--- START ---

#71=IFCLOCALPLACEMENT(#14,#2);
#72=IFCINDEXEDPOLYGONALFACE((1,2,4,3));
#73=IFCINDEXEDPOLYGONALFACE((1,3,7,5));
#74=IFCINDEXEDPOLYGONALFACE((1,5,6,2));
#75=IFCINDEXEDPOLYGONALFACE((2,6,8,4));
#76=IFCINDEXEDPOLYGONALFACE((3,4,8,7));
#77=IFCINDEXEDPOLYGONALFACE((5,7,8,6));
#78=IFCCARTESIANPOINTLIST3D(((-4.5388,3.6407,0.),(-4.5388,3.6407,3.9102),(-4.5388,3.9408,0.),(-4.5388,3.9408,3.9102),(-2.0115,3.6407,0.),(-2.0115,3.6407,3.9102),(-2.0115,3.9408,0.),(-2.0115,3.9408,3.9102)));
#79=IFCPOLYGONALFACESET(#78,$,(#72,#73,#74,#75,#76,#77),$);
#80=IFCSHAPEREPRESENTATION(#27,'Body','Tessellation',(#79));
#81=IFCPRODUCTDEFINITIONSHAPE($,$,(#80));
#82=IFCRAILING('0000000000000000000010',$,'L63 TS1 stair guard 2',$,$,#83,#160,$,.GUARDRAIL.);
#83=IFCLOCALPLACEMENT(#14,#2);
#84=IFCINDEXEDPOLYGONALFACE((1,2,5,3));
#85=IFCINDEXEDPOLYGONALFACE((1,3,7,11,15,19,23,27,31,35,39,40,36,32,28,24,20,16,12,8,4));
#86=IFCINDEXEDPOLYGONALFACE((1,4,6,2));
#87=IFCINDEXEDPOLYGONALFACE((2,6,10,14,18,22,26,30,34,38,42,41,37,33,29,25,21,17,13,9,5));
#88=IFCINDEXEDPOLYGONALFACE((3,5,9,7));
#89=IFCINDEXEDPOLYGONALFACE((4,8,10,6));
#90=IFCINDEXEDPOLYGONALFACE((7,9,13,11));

--- END ---
--- START ---

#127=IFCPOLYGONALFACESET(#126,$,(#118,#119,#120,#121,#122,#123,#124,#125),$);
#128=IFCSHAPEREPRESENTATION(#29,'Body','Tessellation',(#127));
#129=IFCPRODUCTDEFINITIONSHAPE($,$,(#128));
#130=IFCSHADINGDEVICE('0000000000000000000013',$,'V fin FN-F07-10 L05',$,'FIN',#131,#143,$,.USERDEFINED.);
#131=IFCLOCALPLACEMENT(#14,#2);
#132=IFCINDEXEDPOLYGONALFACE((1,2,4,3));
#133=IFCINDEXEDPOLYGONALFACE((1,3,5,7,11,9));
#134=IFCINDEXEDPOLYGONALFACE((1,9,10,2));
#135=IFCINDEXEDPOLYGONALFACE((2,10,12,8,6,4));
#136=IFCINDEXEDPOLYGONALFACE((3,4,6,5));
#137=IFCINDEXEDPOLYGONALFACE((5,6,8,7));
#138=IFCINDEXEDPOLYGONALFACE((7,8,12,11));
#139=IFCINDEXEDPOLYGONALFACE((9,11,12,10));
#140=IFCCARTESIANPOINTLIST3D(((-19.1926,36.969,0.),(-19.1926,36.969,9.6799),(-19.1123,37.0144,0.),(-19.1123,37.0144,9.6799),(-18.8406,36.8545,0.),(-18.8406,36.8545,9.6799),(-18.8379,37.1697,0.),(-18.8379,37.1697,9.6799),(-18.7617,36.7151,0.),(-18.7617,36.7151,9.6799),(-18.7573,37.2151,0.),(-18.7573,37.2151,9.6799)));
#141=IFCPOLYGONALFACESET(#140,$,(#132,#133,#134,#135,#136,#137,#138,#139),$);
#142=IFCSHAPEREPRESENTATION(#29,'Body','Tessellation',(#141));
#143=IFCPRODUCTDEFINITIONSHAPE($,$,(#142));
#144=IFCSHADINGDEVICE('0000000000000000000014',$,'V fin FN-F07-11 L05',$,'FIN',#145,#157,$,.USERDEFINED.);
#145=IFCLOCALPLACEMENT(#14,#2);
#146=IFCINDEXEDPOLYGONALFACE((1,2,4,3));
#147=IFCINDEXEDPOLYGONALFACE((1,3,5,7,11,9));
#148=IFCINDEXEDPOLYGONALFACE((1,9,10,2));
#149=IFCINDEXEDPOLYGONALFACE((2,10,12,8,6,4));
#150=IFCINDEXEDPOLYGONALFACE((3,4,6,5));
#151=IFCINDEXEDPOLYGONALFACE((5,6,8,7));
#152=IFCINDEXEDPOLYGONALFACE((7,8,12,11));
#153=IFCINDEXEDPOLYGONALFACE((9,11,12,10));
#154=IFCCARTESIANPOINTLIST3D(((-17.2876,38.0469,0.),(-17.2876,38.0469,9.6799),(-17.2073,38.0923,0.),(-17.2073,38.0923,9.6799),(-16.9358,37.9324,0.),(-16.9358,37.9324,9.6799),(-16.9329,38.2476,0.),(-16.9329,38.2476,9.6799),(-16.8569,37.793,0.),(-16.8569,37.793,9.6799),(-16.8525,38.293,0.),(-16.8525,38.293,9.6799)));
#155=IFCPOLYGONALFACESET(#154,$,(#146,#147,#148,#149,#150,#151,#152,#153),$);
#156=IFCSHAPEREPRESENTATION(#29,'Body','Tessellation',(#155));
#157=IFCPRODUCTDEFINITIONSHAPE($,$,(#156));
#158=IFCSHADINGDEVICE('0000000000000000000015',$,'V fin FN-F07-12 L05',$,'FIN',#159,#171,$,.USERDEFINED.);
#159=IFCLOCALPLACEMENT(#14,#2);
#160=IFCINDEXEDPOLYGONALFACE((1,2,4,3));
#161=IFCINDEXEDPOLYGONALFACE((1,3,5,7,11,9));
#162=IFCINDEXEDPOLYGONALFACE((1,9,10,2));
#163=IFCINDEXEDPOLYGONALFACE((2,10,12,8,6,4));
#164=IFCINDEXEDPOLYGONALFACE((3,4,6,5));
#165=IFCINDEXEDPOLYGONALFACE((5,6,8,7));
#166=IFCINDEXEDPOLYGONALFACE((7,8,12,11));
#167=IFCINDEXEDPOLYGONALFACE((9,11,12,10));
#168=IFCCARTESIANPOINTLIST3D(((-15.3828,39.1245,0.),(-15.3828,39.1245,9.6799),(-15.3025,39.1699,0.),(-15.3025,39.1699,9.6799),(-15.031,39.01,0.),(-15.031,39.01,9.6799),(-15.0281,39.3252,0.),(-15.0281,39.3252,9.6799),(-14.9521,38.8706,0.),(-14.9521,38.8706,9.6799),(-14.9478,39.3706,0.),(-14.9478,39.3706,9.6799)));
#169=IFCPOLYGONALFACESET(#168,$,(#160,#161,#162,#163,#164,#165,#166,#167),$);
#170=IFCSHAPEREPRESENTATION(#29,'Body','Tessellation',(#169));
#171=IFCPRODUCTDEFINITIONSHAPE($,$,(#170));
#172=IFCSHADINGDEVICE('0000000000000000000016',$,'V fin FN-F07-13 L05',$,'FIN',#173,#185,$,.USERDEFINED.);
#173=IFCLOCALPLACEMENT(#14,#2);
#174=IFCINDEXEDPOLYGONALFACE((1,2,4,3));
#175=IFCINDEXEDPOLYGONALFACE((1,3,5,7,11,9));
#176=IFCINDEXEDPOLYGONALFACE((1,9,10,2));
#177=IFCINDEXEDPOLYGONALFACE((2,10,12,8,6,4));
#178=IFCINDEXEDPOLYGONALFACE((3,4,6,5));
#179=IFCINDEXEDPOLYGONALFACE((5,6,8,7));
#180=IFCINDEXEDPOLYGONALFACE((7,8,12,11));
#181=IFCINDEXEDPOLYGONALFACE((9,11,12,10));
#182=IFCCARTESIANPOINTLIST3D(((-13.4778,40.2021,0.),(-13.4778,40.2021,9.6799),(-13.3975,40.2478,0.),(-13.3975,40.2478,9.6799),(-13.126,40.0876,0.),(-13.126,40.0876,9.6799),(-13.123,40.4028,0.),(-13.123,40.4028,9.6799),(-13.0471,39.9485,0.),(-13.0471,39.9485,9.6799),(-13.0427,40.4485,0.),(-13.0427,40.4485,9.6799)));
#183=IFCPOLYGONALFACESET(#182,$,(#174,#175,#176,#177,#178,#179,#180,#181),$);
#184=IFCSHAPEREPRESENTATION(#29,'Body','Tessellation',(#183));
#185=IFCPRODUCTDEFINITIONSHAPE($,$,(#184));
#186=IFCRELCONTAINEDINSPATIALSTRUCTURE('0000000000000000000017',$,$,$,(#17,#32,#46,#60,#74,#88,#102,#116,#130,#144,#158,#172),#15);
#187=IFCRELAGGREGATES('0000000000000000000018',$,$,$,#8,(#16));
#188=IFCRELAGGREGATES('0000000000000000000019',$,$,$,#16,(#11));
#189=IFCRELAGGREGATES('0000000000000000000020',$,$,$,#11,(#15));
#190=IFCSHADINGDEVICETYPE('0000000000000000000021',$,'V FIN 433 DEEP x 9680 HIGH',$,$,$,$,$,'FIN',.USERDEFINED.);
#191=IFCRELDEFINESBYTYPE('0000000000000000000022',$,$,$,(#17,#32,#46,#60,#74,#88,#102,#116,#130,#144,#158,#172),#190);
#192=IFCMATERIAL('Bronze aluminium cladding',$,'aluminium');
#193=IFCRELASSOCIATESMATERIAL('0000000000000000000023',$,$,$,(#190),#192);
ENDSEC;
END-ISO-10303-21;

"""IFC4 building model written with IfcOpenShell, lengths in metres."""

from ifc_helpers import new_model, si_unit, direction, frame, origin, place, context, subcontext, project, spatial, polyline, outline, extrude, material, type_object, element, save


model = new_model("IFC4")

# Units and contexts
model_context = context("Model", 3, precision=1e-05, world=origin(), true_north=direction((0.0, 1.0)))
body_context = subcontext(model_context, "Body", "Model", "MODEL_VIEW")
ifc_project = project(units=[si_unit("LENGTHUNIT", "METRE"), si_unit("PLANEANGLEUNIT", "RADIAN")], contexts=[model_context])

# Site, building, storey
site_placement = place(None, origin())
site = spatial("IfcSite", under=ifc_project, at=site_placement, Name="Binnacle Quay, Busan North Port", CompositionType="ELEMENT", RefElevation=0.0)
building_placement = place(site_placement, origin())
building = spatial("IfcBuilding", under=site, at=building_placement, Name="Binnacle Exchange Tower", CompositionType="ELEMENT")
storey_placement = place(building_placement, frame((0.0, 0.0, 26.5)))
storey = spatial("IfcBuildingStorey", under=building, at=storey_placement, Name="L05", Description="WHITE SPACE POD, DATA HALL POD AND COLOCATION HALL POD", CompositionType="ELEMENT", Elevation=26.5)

--- END ---

• [Aim of the task]
Copy out the lines above exactly, beginning at the one that contains "#170=IFCSHAPEREPRESENTATION(#29,'Body','Tessellation',(#169));" and ending at the one that contains "#187=IFCRELAGGREGATES('0000000000000000000018',$,$,$,#8,(#16));".

• [Result of the exercise]
#170=IFCSHAPEREPRESENTATION(#29,'Body','Tessellation',(#169));
#171=IFCPRODUCTDEFINITIONSHAPE($,$,(#170));
#172=IFCSHADINGDEVICE('0000000000000000000016',$,'V fin FN-F07-13 L05',$,'FIN',#173,#185,$,.USERDEFINED.);
#173=IFCLOCALPLACEMENT(#14,#2);
#174=IFCINDEXEDPOLYGONALFACE((1,2,4,3));
#175=IFCINDEXEDPOLYGONALFACE((1,3,5,7,11,9));
#176=IFCINDEXEDPOLYGONALFACE((1,9,10,2));
#177=IFCINDEXEDPOLYGONALFACE((2,10,12,8,6,4));
#178=IFCINDEXEDPOLYGONALFACE((3,4,6,5));
#179=IFCINDEXEDPOLYGONALFACE((5,6,8,7));
#180=IFCINDEXEDPOLYGONALFACE((7,8,12,11));
#181=IFCINDEXEDPOLYGONALFACE((9,11,12,10));
#182=IFCCARTESIANPOINTLIST3D(((-13.4778,40.2021,0.),(-13.4778,40.2021,9.6799),(-13.3975,40.2478,0.),(-13.3975,40.2478,9.6799),(-13.126,40.0876,0.),(-13.126,40.0876,9.6799),(-13.123,40.4028,0.),(-13.123,40.4028,9.6799),(-13.0471,39.9485,0.),(-13.0471,39.9485,9.6799),(-13.0427,40.4485,0.),(-13.0427,40.4485,9.6799)));
#183=IFCPOLYGONALFACESET(#182,$,(#174,#175,#176,#177,#178,#179,#180,#181),$);
#184=IFCSHAPEREPRESENTATION(#29,'Body','Tessellation',(#183));
#185=IFCPRODUCTDEFINITIONSHAPE($,$,(#184));
#186=IFCRELCONTAINEDINSPATIALSTRUCTURE('0000000000000000000017',$,$,$,(#17,#32,#46,#60,#74,#88,#102,#116,#130,#144,#158,#172),#15);
#187=IFCRELAGGREGATES('0000000000000000000018',$,$,$,#8,(#16));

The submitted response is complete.